── Records provided

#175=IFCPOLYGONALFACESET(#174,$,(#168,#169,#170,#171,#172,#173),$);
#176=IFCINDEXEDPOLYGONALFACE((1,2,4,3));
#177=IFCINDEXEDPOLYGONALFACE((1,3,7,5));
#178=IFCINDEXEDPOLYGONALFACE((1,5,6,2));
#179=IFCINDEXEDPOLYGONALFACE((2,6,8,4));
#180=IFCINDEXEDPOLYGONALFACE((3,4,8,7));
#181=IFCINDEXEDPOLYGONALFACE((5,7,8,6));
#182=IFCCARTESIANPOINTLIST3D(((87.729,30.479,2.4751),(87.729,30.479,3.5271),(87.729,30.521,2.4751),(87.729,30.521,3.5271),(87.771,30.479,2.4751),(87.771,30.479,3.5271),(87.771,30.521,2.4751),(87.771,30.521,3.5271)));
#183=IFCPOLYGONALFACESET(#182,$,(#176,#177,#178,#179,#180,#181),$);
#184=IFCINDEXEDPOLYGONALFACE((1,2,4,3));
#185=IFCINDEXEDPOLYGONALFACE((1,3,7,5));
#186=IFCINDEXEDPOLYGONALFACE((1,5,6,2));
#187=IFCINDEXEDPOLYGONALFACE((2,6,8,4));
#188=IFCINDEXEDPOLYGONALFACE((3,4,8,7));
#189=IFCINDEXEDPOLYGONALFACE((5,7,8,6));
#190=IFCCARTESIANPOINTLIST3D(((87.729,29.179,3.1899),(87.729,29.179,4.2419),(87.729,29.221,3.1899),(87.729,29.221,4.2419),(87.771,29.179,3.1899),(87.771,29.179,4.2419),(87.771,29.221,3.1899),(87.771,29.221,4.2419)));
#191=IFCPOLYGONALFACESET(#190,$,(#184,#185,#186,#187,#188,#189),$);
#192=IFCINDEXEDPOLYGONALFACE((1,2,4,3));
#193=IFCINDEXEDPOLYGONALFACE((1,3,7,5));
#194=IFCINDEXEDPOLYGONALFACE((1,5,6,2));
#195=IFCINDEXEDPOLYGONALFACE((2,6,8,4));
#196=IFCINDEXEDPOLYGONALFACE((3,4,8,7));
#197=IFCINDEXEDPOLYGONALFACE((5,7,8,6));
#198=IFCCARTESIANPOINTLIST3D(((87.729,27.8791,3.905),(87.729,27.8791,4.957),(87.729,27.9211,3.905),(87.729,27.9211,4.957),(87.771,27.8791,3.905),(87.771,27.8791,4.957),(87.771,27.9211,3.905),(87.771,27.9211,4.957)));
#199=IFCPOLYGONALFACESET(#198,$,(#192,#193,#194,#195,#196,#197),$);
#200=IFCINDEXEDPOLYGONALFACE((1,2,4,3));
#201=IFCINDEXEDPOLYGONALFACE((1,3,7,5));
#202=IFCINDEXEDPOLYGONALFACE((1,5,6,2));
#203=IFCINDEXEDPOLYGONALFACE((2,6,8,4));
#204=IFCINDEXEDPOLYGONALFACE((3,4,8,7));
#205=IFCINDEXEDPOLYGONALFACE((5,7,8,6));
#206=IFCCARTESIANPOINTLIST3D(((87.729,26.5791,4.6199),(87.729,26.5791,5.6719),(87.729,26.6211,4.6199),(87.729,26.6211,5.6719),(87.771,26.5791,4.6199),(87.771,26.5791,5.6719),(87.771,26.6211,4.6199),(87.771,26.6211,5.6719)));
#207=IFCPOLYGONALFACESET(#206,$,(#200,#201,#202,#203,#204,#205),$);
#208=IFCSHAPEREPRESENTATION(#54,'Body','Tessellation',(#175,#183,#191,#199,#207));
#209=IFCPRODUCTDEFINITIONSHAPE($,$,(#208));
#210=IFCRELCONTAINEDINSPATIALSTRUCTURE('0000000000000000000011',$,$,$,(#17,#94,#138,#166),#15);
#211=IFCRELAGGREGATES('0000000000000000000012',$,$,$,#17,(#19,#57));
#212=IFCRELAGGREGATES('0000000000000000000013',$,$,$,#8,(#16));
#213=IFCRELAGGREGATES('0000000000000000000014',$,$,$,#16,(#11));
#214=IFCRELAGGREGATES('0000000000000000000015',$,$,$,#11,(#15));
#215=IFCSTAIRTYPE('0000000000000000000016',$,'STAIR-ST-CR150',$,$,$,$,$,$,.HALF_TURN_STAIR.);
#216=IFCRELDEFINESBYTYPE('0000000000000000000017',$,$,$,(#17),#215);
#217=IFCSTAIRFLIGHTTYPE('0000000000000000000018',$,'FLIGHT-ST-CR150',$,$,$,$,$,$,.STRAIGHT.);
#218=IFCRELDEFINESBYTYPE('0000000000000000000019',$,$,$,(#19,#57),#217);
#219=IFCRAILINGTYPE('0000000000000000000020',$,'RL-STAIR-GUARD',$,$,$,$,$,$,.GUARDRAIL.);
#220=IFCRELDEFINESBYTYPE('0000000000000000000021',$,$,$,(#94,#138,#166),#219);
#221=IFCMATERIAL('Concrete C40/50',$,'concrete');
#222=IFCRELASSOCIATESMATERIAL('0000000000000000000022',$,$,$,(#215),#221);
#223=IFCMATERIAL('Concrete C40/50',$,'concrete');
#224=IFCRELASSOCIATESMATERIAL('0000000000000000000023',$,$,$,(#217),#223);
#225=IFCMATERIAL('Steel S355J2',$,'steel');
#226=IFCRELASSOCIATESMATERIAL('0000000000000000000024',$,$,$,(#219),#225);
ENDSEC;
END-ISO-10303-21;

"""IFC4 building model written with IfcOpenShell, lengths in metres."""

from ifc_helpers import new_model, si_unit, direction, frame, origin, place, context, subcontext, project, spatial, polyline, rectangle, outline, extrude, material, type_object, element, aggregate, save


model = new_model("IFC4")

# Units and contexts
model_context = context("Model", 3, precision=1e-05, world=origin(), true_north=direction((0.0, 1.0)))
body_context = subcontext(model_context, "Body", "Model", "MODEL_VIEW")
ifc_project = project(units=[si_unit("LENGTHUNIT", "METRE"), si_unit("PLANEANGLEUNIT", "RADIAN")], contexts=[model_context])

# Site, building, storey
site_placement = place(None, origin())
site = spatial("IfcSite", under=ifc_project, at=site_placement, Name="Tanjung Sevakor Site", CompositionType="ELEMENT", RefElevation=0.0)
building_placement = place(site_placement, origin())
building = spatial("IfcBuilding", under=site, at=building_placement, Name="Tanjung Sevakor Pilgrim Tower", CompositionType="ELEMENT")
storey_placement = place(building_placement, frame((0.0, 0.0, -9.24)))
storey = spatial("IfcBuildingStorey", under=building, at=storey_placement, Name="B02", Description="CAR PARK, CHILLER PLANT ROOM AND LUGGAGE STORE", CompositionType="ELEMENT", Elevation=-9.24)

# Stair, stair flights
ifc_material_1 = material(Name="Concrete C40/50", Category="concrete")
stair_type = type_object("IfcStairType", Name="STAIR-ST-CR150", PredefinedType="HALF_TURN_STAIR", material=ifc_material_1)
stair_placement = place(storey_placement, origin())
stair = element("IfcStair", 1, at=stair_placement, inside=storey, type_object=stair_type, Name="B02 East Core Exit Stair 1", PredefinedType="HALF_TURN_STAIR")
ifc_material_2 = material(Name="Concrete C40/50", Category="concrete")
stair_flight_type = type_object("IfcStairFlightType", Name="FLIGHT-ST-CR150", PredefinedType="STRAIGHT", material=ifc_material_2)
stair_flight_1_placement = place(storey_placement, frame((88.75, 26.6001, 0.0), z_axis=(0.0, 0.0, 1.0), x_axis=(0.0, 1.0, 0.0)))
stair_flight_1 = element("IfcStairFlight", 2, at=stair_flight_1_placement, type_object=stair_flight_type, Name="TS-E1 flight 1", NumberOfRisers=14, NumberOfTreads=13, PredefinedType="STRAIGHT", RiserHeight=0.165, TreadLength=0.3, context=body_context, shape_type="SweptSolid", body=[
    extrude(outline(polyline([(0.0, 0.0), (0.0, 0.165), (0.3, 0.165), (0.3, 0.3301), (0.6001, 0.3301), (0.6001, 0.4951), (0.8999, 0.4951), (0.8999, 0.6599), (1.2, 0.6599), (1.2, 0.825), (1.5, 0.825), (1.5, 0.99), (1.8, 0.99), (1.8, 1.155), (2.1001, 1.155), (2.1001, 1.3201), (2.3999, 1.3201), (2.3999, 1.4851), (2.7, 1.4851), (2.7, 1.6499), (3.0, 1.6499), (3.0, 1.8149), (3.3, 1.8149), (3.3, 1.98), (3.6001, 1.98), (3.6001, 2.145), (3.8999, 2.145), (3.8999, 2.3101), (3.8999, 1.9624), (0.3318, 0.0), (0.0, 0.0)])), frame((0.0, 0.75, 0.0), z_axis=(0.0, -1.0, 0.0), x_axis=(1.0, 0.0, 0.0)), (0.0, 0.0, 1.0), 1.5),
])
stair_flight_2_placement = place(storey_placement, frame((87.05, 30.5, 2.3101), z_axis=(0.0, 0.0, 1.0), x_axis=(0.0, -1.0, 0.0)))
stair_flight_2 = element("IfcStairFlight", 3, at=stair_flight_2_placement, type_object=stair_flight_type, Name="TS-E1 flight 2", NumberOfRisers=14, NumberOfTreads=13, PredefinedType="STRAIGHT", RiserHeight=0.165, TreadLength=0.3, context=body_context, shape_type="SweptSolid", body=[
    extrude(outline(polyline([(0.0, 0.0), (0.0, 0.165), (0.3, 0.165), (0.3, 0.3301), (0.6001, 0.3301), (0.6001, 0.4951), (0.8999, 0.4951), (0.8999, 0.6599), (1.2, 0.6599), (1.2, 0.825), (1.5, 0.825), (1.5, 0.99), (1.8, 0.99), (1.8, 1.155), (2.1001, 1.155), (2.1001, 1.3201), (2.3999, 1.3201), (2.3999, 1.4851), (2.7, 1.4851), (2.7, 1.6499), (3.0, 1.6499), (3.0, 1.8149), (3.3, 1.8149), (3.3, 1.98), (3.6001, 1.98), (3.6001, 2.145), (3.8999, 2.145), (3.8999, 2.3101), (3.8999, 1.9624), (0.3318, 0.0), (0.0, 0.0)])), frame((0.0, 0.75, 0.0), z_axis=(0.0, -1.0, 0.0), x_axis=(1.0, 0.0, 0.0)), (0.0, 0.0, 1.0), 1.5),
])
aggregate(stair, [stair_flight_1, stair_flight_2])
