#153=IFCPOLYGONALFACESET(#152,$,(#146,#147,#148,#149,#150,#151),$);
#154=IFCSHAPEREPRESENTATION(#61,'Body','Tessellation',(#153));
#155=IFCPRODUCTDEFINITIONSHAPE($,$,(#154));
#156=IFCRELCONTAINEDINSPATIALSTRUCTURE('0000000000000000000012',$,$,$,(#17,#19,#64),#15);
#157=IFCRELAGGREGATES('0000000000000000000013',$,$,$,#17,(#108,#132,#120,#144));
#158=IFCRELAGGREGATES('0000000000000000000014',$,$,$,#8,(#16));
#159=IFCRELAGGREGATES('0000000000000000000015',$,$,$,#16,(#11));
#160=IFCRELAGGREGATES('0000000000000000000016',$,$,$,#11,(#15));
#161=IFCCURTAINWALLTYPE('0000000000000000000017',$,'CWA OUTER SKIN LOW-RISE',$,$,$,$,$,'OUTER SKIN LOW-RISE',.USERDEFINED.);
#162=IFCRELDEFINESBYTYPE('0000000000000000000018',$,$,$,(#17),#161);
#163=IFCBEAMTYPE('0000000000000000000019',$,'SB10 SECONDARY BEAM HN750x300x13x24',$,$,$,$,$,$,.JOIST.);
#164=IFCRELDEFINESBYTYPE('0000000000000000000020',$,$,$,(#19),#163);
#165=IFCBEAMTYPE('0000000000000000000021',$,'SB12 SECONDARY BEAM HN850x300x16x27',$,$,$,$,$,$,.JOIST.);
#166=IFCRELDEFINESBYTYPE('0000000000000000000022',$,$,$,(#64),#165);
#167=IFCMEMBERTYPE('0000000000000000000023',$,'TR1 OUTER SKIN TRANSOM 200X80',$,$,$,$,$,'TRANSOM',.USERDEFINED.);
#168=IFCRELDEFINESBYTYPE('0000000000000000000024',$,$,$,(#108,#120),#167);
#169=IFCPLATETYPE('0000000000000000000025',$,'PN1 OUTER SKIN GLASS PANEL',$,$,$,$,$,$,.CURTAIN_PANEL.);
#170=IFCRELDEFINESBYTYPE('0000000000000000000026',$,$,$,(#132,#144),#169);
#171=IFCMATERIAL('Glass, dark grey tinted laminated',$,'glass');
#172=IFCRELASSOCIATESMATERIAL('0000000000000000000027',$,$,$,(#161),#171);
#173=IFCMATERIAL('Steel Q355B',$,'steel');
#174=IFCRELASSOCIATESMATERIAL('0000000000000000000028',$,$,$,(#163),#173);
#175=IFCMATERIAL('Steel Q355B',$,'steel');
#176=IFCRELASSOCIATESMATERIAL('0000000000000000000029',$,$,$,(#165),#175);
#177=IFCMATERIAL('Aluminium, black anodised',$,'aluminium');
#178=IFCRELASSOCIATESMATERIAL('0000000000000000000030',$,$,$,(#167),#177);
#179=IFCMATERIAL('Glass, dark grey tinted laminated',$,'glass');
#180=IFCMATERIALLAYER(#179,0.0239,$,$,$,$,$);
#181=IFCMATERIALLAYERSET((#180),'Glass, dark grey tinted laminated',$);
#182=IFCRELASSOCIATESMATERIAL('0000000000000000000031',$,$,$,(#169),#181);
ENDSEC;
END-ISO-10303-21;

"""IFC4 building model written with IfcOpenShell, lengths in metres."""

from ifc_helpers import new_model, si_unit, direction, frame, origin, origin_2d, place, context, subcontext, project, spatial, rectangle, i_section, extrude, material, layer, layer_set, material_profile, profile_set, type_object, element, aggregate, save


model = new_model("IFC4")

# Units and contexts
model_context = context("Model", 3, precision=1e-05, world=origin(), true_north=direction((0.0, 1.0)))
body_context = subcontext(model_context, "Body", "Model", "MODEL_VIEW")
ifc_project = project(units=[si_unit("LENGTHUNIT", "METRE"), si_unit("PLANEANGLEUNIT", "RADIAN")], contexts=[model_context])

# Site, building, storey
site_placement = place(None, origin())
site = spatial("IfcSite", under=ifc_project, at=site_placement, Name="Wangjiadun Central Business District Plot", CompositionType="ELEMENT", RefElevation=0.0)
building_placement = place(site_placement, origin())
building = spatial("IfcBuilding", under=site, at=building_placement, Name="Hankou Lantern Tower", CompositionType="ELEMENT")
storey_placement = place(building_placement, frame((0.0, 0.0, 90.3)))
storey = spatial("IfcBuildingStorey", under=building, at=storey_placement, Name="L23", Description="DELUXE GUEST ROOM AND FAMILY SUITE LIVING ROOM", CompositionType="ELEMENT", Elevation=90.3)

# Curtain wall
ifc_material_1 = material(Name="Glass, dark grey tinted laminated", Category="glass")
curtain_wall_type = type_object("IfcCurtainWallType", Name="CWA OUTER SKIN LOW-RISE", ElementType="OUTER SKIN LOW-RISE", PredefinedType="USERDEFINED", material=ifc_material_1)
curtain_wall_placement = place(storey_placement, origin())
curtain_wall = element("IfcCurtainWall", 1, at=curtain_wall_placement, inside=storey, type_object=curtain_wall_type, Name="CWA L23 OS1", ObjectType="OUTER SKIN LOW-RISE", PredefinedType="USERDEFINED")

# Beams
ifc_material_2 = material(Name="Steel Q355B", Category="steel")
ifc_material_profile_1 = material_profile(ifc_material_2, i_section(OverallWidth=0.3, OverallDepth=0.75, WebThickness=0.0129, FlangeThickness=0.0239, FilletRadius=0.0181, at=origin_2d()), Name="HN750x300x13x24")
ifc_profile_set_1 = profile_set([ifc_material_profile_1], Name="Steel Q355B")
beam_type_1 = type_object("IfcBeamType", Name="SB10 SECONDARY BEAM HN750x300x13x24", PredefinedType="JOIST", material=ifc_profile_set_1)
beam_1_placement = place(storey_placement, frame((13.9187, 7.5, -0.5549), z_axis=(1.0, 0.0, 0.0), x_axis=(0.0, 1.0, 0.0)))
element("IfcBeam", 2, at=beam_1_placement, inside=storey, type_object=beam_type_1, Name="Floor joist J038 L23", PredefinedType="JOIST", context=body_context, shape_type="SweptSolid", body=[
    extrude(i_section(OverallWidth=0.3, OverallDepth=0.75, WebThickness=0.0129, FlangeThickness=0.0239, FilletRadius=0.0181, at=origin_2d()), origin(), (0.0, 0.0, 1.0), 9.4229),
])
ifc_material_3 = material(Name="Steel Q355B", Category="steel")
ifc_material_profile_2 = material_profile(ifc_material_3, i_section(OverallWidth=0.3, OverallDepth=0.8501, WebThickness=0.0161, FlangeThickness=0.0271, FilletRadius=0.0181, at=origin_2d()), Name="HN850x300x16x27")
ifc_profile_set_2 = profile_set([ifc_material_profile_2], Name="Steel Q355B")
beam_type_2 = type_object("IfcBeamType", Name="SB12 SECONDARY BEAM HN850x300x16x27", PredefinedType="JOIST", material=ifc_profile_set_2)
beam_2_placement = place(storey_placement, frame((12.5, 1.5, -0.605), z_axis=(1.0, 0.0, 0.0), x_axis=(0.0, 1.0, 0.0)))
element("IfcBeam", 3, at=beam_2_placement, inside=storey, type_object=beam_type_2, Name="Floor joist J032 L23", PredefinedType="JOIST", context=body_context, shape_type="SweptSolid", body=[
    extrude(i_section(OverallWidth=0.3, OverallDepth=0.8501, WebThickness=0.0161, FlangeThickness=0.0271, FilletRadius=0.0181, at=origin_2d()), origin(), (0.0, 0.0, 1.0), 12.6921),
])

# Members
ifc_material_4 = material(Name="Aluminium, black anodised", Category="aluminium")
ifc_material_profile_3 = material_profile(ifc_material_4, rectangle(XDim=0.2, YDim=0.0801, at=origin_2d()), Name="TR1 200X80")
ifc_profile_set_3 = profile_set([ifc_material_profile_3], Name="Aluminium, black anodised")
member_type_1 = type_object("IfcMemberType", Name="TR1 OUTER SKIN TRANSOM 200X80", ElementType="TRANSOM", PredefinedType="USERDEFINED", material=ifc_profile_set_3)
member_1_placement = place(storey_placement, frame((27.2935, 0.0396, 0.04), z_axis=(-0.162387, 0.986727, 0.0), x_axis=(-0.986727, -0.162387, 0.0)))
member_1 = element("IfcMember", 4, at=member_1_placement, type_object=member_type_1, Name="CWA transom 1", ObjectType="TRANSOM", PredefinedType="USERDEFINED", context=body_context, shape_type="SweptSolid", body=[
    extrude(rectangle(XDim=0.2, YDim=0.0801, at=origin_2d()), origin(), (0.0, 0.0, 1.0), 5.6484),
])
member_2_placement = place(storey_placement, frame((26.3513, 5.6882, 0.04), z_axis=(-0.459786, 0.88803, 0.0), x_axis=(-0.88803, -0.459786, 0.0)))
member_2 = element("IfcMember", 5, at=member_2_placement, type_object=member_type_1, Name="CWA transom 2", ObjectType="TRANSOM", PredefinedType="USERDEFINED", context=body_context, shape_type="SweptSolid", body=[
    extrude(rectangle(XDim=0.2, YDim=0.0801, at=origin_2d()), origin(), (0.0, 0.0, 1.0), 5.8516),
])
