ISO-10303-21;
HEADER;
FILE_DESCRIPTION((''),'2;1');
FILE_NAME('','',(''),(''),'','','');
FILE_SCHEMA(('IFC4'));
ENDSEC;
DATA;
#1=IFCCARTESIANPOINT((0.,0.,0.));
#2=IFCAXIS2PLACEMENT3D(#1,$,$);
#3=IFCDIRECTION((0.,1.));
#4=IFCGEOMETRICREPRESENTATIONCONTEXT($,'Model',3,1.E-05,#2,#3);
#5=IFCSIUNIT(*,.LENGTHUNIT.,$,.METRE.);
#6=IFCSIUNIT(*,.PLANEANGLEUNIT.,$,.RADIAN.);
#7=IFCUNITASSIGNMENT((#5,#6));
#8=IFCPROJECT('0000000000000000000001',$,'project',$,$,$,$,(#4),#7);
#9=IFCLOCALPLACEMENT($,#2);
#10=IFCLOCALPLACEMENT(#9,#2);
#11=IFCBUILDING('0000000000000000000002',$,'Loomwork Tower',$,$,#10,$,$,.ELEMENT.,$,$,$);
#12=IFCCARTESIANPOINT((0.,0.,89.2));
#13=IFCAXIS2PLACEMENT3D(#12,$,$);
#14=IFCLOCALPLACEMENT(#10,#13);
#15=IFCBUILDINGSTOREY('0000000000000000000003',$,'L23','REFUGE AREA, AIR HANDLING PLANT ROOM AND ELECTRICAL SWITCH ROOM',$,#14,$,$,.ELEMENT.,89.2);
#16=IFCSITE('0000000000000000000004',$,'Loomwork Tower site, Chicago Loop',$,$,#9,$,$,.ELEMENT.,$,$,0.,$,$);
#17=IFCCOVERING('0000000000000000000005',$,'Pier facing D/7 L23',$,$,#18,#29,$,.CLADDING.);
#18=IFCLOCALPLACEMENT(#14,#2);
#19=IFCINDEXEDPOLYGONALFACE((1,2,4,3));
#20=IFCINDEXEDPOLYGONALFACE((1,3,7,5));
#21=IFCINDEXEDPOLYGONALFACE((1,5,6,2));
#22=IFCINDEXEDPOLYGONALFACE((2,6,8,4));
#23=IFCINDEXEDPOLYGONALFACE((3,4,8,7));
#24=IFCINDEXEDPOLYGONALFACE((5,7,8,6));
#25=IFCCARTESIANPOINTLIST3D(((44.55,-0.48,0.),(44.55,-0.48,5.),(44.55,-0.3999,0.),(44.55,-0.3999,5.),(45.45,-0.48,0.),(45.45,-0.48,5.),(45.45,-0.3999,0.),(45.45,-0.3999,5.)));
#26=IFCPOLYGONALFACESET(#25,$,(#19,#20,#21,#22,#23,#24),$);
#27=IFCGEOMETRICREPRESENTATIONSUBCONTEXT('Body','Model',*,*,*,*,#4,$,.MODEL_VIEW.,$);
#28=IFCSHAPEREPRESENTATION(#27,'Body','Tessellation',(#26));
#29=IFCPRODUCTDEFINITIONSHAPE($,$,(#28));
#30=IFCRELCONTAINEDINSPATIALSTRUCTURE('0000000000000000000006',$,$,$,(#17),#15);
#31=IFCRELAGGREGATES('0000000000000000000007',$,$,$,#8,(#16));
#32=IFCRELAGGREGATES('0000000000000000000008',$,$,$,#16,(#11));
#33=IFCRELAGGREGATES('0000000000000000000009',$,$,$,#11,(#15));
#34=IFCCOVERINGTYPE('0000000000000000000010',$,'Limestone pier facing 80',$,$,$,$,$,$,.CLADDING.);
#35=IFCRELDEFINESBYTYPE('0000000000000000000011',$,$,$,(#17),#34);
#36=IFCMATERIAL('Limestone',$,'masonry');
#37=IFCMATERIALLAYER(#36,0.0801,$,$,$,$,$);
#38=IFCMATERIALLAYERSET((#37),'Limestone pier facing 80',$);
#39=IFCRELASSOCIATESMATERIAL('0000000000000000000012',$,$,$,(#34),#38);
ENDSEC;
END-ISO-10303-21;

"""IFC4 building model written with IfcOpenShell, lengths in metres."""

from ifc_helpers import new_model, si_unit, direction, frame, origin, origin_2d, place, context, subcontext, project, spatial, rectangle, extrude, material, layer, layer_set, type_object, element, save


model = new_model("IFC4")

# Units and contexts
model_context = context("Model", 3, precision=1e-05, world=origin(), true_north=direction((0.0, 1.0)))
body_context = subcontext(model_context, "Body", "Model", "MODEL_VIEW")
ifc_project = project(units=[si_unit("LENGTHUNIT", "METRE"), si_unit("PLANEANGLEUNIT", "RADIAN")], contexts=[model_context])

# Site, building, storey
site_placement = place(None, origin())
site = spatial("IfcSite", under=ifc_project, at=site_placement, Name="Loomwork Tower site, Chicago Loop", CompositionType="ELEMENT", RefElevation=0.0)
building_placement = place(site_placement, origin())
building = spatial("IfcBuilding", under=site, at=building_placement, Name="Loomwork Tower", CompositionType="ELEMENT")
storey_placement = place(building_placement, frame((0.0, 0.0, 89.2)))
storey = spatial("IfcBuildingStorey", under=building, at=storey_placement, Name="L23", Description="REFUGE AREA, AIR HANDLING PLANT ROOM AND ELECTRICAL SWITCH ROOM", CompositionType="ELEMENT", Elevation=89.2)

# Covering
ifc_material_1 = material(Name="Limestone", Category="masonry")
ifc_layer_1 = layer(ifc_material_1, 0.0801)
ifc_layer_set_1 = layer_set([ifc_layer_1], Name="Limestone pier facing 80")
covering_type = type_object("IfcCoveringType", Name="Limestone pier facing 80", PredefinedType="CLADDING", material=ifc_layer_set_1)
covering_placement = place(storey_placement, frame((45.0, -0.4399, 0.0), z_axis=(0.0, 0.0, 1.0), x_axis=(1.0, 0.0, 0.0)))
element("IfcCovering", 1, at=covering_placement, inside=storey, type_object=covering_type, Name="Pier facing D/7 L23", PredefinedType="CLADDING", context=body_context, shape_type="SweptSolid", body=[
    extrude(rectangle(XDim=0.8999, YDim=0.0801, at=origin_2d()), origin(), (0.0, 0.0, 1.0), 5.0),
])

save(model, "model.ifc")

────

▶ **Assigned task**: Lines from the start of the material above through the line containing "#189=IFCINDEXEDPOLYGONALFACE((5,7,8,6));" are to be duplicated exactly, and only those.

▶ **Solution to this exercise**:
#175=IFCPOLYGONALFACESET(#174,$,(#168,#169,#170,#171,#172,#173),$);
#176=IFCINDEXEDPOLYGONALFACE((1,2,4,3));
#177=IFCINDEXEDPOLYGONALFACE((1,3,7,5));
#178=IFCINDEXEDPOLYGONALFACE((1,5,6,2));
#179=IFCINDEXEDPOLYGONALFACE((2,6,8,4));
#180=IFCINDEXEDPOLYGONALFACE((3,4,8,7));
#181=IFCINDEXEDPOLYGONALFACE((5,7,8,6));
#182=IFCCARTESIANPOINTLIST3D(((87.729,30.479,2.4751),(87.729,30.479,3.5271),(87.729,30.521,2.4751),(87.729,30.521,3.5271),(87.771,30.479,2.4751),(87.771,30.479,3.5271),(87.771,30.521,2.4751),(87.771,30.521,3.5271)));
#183=IFCPOLYGONALFACESET(#182,$,(#176,#177,#178,#179,#180,#181),$);
#184=IFCINDEXEDPOLYGONALFACE((1,2,4,3));
#185=IFCINDEXEDPOLYGONALFACE((1,3,7,5));
#186=IFCINDEXEDPOLYGONALFACE((1,5,6,2));
#187=IFCINDEXEDPOLYGONALFACE((2,6,8,4));
#188=IFCINDEXEDPOLYGONALFACE((3,4,8,7));
#189=IFCINDEXEDPOLYGONALFACE((5,7,8,6));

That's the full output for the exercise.